• _Assigned task_
Across the records that follow, how many lines contain the string "Perimeter"? Answer with the number only.

• _Input for this task_
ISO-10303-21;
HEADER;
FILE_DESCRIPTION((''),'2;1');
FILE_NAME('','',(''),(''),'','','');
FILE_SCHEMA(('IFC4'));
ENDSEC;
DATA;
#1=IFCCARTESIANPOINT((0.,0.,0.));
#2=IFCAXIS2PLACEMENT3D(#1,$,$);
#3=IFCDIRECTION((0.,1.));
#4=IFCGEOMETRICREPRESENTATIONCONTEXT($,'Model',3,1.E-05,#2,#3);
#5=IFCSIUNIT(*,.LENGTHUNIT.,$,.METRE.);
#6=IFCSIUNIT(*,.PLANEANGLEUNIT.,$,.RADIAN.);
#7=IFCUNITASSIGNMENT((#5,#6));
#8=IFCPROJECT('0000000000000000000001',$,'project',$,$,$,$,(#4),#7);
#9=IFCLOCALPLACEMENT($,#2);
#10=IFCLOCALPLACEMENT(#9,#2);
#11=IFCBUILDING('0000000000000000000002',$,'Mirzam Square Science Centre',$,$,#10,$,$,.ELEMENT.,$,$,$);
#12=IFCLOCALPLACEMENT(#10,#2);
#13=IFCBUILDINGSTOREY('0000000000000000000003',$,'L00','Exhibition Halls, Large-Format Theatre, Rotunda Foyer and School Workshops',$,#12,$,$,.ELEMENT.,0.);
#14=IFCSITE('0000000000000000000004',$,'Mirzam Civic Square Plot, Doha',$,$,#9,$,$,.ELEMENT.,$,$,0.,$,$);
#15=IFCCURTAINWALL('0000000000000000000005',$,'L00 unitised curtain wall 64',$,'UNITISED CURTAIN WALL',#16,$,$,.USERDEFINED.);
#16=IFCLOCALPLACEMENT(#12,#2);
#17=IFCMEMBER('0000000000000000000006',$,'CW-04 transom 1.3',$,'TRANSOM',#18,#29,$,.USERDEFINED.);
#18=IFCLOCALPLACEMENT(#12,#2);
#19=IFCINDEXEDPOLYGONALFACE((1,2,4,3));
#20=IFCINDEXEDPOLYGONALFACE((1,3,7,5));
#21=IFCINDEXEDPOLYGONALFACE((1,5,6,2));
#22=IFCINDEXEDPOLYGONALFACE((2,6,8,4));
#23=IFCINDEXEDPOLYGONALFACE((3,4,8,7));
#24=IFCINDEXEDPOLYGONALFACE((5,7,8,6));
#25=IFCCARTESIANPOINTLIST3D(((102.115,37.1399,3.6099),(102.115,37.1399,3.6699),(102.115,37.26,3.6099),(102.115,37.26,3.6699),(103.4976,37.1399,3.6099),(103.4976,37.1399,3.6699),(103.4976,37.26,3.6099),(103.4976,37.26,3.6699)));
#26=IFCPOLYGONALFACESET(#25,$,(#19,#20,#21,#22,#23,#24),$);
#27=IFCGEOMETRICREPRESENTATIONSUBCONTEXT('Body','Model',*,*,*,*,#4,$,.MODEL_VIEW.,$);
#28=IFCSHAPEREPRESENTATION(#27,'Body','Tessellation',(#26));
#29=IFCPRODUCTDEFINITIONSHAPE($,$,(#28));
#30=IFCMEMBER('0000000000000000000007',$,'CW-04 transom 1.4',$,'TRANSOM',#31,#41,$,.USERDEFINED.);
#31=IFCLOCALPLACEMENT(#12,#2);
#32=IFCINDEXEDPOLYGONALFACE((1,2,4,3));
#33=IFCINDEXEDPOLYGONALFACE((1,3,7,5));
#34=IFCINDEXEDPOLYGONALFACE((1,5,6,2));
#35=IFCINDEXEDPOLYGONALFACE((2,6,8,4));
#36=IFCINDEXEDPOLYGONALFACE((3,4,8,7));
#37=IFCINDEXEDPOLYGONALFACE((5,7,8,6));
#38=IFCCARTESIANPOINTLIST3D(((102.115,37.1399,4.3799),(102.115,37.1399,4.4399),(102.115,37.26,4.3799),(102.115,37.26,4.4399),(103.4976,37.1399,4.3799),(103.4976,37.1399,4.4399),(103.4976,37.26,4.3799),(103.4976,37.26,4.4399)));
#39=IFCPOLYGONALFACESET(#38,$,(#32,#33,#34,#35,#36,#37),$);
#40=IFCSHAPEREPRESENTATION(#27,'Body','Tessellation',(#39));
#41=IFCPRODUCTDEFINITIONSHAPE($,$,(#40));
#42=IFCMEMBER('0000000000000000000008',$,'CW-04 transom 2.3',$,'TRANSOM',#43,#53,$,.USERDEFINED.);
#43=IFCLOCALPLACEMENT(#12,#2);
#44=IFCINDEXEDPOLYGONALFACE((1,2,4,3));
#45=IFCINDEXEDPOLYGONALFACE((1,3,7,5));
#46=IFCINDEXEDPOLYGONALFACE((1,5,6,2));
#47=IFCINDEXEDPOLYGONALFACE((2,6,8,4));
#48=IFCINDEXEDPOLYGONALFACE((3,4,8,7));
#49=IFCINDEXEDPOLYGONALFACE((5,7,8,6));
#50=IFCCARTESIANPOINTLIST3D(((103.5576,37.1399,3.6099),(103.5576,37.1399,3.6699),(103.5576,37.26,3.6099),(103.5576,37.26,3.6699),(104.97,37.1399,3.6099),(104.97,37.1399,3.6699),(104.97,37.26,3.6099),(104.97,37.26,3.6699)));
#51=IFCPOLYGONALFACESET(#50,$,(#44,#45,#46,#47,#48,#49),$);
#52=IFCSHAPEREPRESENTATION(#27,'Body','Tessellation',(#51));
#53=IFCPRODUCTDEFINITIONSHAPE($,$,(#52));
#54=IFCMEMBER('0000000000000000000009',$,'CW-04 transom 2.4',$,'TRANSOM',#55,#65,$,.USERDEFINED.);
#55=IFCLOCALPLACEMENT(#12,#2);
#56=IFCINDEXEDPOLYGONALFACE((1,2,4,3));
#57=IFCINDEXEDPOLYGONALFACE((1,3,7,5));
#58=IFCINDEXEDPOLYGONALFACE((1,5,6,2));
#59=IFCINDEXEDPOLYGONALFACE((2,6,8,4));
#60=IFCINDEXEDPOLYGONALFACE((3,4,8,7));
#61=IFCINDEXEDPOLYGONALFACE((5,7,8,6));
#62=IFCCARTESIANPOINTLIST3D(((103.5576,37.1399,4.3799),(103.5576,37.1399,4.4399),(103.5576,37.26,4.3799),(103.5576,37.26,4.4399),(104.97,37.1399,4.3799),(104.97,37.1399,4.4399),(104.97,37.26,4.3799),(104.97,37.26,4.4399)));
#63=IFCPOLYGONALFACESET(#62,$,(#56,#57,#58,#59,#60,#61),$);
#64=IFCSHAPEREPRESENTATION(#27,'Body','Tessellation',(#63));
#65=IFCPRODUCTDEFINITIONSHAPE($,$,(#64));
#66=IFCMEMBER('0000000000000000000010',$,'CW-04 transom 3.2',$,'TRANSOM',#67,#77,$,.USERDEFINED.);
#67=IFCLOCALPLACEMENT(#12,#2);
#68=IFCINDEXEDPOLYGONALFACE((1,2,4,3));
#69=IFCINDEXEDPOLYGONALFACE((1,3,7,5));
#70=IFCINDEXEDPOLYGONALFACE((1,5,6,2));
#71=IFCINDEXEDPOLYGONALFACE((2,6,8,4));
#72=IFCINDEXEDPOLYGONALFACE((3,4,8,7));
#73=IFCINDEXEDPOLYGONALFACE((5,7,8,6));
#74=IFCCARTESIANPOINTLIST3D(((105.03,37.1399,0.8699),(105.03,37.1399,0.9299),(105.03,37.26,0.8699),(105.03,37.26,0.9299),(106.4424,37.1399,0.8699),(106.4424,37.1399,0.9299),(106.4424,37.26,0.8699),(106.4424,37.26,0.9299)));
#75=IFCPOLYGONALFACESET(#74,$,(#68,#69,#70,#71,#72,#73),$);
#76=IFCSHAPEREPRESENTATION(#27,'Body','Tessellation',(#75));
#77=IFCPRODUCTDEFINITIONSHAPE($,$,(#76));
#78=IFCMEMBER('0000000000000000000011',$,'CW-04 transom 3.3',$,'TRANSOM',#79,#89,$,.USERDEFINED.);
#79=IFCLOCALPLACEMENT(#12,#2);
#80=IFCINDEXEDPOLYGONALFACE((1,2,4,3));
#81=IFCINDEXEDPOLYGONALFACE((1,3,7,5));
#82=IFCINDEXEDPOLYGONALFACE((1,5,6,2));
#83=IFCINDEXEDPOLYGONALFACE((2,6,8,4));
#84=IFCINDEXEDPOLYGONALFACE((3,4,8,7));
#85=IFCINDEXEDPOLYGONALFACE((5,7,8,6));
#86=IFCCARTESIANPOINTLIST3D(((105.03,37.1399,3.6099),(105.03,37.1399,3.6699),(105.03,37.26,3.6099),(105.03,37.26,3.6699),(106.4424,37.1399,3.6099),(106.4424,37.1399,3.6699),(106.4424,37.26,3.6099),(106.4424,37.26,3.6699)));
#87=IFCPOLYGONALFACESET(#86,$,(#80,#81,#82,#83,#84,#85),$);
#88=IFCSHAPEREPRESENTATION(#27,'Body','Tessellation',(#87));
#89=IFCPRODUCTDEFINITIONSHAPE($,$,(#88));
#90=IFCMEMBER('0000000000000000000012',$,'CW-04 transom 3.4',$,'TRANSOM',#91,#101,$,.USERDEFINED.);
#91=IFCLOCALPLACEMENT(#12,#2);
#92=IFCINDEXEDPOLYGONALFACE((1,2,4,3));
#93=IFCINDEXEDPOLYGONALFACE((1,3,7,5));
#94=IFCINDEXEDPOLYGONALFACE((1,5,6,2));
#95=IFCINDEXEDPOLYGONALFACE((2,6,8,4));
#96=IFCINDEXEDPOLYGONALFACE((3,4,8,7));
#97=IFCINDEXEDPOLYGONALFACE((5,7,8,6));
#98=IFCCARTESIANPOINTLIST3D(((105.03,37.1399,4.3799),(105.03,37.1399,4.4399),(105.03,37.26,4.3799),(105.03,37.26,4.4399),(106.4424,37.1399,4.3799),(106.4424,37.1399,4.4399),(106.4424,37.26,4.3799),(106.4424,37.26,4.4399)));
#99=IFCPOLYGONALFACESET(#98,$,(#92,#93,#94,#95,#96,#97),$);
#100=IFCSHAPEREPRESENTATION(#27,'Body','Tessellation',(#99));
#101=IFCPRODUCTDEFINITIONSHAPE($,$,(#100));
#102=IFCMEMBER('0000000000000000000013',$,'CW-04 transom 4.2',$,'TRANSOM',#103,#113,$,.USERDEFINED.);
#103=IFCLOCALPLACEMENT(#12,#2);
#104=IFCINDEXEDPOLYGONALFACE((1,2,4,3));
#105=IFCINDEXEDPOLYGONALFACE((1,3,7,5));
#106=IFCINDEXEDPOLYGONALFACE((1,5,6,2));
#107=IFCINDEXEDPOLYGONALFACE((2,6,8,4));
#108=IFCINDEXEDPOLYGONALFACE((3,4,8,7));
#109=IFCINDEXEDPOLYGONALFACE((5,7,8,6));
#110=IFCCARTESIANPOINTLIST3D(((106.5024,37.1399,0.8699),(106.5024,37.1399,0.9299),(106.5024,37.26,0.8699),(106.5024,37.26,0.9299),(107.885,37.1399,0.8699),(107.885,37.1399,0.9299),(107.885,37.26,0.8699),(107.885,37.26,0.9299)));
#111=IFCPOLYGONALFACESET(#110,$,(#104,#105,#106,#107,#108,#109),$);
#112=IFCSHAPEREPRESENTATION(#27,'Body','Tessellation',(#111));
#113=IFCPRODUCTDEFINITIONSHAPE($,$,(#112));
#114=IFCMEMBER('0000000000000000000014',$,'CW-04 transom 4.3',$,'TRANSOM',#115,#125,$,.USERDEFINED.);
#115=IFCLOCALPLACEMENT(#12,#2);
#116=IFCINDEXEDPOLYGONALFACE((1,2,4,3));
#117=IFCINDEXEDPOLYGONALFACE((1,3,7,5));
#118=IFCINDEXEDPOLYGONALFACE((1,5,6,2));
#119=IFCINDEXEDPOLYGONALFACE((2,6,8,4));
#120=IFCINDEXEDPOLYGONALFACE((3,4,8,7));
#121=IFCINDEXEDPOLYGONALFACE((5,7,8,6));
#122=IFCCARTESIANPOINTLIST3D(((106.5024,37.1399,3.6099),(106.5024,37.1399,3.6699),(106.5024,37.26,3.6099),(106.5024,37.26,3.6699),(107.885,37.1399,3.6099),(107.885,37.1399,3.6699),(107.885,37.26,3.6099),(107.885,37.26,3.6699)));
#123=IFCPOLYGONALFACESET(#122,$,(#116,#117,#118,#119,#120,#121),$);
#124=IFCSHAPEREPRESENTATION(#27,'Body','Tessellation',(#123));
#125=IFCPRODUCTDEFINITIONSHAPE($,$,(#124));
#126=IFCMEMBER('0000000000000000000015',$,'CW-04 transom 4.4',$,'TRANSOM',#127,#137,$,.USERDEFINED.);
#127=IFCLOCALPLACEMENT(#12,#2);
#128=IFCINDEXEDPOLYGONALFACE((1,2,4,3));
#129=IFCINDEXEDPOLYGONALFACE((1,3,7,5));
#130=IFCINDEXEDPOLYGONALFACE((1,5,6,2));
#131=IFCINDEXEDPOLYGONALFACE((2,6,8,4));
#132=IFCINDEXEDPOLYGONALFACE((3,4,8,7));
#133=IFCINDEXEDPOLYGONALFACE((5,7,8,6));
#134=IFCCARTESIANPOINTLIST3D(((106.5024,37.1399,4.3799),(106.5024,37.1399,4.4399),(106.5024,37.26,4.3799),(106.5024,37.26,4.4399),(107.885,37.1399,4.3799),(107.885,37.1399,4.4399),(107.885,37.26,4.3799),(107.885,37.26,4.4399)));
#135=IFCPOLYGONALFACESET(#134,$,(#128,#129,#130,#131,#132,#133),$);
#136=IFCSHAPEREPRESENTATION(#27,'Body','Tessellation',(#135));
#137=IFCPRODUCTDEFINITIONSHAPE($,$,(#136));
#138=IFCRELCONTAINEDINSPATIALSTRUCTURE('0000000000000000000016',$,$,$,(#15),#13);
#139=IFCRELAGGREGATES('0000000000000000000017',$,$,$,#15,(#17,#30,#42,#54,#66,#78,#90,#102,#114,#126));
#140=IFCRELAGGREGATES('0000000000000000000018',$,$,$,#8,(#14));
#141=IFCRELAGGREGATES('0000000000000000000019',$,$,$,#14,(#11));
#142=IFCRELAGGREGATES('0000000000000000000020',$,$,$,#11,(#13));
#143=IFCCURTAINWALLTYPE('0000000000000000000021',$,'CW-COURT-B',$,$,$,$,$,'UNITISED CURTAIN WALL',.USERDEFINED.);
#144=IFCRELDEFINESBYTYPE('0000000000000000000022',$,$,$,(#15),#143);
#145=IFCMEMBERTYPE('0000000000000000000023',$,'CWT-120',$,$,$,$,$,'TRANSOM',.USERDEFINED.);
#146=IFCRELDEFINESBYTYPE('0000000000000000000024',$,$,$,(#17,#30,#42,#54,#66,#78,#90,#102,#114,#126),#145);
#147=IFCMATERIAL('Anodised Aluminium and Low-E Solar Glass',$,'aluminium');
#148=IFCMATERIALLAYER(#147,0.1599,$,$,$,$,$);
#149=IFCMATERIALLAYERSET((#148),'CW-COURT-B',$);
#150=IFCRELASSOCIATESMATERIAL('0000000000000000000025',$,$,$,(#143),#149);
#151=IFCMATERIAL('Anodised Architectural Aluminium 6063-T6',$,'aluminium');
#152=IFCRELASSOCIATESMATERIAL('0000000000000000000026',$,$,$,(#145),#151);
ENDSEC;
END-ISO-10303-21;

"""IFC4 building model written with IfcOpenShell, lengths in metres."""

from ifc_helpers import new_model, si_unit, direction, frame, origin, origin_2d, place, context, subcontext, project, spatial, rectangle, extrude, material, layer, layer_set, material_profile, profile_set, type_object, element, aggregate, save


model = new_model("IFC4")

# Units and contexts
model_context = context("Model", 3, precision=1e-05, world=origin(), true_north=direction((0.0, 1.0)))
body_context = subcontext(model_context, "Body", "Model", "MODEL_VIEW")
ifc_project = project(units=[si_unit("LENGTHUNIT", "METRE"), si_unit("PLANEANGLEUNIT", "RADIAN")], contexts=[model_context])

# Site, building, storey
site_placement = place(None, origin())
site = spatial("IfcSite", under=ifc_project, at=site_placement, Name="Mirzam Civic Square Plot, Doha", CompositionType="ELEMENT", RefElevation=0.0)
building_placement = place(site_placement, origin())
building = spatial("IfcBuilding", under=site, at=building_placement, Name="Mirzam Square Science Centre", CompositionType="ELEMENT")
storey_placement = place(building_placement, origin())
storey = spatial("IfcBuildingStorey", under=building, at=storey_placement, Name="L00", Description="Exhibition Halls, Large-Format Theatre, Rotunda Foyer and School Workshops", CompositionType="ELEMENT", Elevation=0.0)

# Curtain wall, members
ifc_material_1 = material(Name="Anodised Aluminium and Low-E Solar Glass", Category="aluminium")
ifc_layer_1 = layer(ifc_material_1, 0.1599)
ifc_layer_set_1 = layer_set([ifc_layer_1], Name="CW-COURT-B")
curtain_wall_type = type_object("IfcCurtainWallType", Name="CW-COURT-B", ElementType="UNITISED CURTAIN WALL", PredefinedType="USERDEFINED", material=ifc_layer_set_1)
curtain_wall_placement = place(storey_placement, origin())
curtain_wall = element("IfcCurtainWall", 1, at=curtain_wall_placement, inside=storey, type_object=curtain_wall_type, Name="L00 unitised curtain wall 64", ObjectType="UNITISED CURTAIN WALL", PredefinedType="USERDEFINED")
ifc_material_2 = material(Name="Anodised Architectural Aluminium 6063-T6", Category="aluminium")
==
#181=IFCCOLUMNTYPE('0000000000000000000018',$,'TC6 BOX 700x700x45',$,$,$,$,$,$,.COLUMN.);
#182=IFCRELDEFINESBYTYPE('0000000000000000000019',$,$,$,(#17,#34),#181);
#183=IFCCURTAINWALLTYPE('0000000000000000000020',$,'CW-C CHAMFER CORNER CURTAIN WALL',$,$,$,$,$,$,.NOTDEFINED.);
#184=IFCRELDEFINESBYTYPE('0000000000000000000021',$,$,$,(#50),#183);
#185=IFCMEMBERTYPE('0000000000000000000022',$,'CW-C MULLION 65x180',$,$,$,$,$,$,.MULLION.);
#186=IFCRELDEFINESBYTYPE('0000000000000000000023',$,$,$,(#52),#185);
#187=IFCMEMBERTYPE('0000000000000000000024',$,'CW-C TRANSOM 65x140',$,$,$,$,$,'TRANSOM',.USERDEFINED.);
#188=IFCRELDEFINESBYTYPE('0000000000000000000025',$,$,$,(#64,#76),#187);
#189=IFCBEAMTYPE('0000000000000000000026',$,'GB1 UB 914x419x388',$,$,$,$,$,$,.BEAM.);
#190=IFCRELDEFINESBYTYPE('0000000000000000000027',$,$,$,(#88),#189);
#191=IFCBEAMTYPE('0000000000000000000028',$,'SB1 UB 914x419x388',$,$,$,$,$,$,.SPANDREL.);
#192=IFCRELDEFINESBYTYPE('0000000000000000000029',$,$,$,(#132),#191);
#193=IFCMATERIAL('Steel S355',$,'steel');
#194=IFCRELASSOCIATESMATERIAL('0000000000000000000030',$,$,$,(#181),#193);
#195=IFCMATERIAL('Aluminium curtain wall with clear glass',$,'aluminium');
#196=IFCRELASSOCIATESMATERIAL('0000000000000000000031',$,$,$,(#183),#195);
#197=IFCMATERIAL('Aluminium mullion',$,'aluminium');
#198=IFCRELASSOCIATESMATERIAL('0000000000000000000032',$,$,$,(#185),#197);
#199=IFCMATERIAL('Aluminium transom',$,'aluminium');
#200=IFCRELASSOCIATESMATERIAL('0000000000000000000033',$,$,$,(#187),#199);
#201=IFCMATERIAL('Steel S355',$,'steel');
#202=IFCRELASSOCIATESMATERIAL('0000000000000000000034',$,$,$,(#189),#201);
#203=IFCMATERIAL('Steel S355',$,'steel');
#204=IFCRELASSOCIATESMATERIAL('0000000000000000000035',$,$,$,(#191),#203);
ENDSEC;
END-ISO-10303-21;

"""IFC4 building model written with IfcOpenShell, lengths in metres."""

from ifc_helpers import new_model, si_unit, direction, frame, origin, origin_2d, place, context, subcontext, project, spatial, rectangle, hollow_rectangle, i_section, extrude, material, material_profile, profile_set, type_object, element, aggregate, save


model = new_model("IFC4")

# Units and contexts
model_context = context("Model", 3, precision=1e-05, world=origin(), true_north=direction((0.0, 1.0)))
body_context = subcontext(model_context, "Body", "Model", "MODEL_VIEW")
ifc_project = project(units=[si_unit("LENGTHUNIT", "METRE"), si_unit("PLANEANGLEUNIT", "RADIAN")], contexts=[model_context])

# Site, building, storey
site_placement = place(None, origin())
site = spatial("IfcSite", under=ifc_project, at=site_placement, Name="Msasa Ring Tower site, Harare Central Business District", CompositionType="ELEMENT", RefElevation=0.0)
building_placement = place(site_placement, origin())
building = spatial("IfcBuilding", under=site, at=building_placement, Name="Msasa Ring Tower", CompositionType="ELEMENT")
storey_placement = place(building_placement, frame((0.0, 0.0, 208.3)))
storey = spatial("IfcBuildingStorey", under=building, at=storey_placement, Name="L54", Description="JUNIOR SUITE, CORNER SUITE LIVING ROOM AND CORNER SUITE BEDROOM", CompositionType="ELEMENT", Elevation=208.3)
---
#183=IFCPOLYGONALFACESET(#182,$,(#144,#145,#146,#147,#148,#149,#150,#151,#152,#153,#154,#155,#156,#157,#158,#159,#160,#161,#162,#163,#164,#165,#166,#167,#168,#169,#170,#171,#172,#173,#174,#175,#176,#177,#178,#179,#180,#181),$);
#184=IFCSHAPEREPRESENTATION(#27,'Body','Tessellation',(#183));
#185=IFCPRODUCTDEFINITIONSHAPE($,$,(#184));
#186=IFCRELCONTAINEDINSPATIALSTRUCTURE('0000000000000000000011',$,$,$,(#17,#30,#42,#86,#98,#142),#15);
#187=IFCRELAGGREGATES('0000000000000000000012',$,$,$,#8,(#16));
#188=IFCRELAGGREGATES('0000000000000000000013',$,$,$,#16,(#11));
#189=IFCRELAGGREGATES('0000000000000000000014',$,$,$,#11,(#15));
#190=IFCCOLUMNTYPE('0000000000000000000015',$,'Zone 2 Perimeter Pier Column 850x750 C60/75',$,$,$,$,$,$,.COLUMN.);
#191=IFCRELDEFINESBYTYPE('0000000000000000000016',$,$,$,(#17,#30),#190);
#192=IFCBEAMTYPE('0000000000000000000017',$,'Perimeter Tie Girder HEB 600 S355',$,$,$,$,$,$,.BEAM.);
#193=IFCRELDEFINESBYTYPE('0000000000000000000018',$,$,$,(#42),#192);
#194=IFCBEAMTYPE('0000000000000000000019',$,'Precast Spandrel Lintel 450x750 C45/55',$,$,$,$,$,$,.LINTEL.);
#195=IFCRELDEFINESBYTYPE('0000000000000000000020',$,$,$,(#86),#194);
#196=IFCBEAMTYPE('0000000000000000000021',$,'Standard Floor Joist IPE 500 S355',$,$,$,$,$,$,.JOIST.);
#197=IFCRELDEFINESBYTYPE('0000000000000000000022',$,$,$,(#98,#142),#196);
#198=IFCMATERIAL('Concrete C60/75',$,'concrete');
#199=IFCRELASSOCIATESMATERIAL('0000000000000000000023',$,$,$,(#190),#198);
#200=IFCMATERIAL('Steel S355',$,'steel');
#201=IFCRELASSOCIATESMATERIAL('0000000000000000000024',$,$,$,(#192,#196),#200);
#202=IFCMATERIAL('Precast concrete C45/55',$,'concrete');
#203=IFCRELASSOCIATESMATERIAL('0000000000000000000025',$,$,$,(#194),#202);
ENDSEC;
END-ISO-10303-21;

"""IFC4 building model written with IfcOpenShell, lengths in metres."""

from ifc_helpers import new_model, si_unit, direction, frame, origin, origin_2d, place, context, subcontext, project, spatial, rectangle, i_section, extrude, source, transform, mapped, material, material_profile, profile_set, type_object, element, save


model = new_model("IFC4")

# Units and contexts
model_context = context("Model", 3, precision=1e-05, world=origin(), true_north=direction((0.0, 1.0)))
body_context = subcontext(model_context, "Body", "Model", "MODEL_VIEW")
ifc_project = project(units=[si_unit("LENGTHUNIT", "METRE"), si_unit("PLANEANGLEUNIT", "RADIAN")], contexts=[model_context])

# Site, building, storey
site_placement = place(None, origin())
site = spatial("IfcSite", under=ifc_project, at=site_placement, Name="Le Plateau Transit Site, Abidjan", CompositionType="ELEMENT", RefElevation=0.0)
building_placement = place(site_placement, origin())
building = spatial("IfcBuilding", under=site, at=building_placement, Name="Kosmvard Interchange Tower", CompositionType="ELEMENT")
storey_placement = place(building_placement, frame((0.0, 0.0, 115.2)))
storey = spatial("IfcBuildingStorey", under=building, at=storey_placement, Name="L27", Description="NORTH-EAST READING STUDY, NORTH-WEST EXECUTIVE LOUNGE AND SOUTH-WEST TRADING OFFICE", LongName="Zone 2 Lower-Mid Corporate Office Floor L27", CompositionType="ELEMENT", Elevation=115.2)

• _Answer space_
2